--- Records ---

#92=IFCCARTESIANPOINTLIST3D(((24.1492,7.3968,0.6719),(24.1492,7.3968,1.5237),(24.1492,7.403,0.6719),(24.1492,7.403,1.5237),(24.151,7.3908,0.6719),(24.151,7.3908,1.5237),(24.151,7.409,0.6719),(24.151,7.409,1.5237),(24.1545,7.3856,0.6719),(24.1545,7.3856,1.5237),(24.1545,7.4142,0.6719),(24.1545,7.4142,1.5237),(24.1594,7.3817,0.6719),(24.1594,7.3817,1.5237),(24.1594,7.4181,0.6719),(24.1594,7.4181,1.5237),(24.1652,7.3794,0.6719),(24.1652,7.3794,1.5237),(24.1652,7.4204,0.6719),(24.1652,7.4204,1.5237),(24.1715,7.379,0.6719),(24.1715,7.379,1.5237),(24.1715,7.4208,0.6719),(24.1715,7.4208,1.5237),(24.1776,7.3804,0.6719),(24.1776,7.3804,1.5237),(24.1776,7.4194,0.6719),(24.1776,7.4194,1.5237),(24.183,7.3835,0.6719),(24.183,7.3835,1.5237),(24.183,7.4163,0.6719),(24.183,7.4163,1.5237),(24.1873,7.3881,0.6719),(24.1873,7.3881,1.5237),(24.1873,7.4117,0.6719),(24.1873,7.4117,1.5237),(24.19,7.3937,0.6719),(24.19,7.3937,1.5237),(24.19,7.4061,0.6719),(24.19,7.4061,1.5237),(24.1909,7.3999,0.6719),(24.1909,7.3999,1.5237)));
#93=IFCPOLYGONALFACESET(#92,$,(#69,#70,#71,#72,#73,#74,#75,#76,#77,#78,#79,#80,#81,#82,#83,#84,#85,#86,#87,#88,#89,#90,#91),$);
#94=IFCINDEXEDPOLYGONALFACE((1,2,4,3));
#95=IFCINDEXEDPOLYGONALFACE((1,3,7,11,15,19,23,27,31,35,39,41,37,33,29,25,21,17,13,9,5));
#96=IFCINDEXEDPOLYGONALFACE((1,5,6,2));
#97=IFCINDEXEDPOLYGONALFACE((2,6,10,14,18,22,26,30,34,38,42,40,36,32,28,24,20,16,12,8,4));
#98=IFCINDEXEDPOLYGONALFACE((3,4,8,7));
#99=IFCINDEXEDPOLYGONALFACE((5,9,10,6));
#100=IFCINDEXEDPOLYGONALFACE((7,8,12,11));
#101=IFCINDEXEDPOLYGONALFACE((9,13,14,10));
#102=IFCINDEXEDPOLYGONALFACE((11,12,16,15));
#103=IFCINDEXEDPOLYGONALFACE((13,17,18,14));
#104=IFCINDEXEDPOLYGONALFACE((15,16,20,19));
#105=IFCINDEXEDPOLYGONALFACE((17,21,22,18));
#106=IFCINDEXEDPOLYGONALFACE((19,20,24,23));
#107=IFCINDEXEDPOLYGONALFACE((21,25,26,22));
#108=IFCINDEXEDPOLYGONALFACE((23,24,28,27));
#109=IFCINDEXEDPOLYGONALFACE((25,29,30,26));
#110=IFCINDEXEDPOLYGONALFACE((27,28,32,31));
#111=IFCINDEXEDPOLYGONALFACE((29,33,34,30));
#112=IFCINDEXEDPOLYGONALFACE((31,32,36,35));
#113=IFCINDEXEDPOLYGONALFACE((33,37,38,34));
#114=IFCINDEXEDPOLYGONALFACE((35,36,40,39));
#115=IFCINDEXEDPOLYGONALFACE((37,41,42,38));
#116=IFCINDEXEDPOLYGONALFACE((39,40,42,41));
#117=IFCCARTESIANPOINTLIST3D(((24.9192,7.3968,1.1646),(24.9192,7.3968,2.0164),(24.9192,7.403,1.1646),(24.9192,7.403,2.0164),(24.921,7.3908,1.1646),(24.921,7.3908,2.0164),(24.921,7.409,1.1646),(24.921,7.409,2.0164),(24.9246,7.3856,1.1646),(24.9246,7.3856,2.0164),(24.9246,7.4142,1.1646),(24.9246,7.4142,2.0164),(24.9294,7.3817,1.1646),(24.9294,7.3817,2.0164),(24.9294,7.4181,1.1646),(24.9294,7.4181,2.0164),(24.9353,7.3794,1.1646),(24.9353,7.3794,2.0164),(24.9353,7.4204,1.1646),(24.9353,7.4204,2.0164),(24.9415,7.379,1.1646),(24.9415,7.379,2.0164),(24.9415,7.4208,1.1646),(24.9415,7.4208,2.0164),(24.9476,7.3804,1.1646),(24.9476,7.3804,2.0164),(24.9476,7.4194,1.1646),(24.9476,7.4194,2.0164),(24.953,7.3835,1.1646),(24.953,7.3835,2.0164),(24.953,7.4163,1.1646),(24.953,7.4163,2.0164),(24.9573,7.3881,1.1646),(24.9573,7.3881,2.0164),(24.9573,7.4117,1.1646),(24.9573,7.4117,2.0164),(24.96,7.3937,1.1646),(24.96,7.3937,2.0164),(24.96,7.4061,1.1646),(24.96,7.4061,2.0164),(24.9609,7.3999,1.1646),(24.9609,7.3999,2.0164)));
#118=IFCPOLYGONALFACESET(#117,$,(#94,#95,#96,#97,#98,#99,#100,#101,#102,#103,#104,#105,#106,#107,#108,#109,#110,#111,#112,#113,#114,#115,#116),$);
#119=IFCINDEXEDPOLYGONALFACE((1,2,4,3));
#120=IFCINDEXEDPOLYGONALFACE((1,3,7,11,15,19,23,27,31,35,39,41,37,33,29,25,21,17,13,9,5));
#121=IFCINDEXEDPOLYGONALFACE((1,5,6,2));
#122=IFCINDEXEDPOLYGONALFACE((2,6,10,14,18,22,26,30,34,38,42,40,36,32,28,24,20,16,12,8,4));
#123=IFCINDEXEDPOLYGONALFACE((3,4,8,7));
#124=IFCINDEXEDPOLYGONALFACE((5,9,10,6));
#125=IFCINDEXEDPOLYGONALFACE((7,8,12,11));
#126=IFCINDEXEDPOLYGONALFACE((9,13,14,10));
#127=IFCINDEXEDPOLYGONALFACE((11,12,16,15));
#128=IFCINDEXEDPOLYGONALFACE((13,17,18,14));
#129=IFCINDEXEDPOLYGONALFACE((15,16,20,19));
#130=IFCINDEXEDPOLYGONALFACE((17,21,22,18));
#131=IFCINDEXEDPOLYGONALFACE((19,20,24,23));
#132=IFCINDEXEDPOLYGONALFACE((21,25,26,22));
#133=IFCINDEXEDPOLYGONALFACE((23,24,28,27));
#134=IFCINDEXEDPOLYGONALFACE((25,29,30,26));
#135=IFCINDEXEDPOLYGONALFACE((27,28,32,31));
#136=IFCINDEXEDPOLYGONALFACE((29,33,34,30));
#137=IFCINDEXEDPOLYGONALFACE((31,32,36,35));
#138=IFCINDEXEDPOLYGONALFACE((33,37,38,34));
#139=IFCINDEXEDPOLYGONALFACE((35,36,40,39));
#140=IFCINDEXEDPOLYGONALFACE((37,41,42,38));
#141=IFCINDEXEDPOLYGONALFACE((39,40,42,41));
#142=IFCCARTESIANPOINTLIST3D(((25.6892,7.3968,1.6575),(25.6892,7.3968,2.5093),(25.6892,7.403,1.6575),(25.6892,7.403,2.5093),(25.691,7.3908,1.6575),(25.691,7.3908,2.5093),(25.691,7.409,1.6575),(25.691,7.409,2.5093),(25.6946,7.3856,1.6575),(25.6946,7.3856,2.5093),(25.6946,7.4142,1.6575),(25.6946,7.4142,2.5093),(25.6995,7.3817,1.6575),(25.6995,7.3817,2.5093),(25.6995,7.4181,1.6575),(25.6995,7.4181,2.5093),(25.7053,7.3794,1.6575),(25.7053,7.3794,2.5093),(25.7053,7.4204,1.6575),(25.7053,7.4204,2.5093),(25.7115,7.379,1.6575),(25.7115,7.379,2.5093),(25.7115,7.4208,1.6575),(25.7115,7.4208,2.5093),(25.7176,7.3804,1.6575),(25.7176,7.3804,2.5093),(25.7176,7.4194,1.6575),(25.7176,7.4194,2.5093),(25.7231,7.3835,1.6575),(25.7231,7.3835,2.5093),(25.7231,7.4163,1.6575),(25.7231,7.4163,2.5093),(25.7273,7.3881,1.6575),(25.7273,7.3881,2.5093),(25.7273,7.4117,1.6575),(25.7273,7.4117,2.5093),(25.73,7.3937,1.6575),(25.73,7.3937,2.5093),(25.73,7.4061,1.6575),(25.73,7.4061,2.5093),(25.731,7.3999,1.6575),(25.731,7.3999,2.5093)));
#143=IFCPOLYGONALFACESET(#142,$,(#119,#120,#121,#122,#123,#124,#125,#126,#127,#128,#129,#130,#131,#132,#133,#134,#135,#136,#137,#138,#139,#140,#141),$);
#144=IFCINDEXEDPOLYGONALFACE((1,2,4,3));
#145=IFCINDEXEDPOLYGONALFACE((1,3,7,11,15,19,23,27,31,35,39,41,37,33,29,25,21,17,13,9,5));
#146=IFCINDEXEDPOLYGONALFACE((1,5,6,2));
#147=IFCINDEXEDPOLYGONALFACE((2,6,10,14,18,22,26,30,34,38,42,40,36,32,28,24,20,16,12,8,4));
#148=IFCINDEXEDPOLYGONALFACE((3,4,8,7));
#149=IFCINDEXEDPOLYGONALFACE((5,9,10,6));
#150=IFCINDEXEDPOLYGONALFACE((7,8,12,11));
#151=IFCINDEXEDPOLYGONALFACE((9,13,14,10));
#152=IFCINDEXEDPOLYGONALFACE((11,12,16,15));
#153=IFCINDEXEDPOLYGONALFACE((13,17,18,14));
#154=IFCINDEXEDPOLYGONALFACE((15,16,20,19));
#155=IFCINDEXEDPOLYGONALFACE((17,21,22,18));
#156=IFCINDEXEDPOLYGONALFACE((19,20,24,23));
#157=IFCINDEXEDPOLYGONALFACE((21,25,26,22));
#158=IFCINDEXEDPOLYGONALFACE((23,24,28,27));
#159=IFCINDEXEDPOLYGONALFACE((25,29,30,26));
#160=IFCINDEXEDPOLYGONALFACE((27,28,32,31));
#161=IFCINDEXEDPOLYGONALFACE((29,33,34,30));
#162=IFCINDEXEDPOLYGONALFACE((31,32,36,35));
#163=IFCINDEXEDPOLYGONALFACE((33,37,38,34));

---
--- Records ---

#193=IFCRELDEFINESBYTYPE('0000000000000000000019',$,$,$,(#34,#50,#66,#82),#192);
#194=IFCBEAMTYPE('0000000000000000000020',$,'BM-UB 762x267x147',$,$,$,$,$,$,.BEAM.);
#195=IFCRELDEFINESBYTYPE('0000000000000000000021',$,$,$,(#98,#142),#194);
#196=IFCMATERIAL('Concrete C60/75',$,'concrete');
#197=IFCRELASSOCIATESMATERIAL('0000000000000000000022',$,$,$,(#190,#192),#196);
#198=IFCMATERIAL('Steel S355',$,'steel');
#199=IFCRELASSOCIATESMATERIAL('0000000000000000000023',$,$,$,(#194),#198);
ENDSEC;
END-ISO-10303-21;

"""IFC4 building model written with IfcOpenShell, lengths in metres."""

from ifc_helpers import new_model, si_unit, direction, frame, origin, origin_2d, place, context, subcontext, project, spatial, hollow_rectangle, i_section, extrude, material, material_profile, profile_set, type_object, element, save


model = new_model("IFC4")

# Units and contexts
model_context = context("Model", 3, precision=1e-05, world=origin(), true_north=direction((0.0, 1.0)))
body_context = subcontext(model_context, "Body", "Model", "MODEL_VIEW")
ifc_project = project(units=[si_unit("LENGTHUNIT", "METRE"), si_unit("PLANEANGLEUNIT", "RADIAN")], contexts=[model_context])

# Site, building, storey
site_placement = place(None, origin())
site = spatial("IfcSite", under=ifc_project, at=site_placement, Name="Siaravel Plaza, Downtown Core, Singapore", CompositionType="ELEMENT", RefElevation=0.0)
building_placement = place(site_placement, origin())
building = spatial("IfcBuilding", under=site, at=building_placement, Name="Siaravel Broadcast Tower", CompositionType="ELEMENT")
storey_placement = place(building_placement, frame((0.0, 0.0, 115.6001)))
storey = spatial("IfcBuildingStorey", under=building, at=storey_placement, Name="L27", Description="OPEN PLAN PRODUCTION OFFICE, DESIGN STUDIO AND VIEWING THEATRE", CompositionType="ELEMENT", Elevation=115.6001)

---
--- Records ---

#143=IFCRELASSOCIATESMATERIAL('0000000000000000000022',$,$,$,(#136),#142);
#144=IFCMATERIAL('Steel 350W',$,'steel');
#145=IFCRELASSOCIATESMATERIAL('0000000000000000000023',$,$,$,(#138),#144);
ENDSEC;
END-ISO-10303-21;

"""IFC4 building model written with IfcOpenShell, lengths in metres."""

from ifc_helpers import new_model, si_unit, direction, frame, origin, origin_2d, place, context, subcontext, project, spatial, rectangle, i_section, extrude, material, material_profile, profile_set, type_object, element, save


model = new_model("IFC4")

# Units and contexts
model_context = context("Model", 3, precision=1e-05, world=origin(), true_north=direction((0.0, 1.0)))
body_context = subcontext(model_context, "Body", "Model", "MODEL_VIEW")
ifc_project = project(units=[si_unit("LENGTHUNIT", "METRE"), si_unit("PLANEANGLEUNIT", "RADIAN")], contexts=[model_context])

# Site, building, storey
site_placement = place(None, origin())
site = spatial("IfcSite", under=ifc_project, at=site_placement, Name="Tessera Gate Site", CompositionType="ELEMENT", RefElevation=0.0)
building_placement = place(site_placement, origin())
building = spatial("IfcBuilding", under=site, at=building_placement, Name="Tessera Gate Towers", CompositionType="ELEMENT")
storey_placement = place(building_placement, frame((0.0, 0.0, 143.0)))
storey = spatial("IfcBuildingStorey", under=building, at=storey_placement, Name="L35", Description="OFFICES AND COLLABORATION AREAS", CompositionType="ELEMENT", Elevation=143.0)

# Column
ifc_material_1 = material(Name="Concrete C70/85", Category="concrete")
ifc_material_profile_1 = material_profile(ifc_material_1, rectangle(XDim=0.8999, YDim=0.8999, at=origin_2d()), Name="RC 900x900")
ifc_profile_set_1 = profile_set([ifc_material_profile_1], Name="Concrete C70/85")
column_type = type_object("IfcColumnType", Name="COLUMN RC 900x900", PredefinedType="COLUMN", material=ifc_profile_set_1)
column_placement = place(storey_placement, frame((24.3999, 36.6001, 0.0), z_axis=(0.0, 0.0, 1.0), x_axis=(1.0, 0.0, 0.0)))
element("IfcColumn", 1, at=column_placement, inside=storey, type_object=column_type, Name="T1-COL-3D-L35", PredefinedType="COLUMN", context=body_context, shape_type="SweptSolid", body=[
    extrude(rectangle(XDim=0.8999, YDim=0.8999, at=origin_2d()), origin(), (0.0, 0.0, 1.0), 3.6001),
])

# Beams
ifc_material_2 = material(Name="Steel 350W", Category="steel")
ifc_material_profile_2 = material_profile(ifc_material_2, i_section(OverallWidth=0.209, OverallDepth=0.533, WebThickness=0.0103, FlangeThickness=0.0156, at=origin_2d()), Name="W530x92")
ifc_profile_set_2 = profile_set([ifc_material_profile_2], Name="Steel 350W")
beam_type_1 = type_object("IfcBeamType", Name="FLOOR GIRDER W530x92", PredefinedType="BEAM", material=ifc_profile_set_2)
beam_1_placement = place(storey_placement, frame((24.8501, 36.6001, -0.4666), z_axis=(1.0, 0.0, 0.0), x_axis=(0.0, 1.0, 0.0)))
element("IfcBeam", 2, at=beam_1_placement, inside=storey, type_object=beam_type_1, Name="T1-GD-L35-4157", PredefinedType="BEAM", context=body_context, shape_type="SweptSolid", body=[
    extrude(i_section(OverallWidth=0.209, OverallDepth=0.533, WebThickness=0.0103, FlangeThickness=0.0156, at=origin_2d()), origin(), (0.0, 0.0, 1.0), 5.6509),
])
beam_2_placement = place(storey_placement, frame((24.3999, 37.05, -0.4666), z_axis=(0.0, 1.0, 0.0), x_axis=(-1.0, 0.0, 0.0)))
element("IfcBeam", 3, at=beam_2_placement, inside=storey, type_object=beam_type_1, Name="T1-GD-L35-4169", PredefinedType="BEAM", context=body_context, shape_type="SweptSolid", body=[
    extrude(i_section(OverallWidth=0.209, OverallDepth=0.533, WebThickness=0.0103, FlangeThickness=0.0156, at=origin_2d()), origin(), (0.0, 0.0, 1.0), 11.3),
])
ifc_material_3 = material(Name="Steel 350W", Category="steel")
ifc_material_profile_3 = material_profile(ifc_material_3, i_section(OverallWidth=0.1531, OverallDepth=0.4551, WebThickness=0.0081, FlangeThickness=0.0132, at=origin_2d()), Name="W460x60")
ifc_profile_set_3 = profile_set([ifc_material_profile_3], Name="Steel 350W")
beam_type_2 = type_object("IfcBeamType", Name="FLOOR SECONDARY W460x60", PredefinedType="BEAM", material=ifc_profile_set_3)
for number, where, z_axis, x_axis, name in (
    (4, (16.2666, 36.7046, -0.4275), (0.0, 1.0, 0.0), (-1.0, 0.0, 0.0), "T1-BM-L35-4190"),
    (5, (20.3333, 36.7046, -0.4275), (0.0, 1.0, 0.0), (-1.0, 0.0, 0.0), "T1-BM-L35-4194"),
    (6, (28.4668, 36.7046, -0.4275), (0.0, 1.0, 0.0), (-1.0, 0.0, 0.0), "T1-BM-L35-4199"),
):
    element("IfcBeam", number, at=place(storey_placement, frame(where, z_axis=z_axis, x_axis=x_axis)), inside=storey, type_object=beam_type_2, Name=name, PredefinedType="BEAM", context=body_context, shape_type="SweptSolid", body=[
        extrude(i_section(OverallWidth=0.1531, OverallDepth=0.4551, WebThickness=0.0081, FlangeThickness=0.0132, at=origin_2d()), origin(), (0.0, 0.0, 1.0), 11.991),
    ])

---

* [Activity] Lines above that include the string "save" need to be copied.

* [Written reply]
from ifc_helpers import new_model, si_unit, direction, frame, origin, origin_2d, place, context, subcontext, project, spatial, hollow_rectangle, i_section, extrude, material, material_profile, profile_set, type_object, element, save
from ifc_helpers import new_model, si_unit, direction, frame, origin, origin_2d, place, context, subcontext, project, spatial, rectangle, i_section, extrude, material, material_profile, profile_set, type_object, element, save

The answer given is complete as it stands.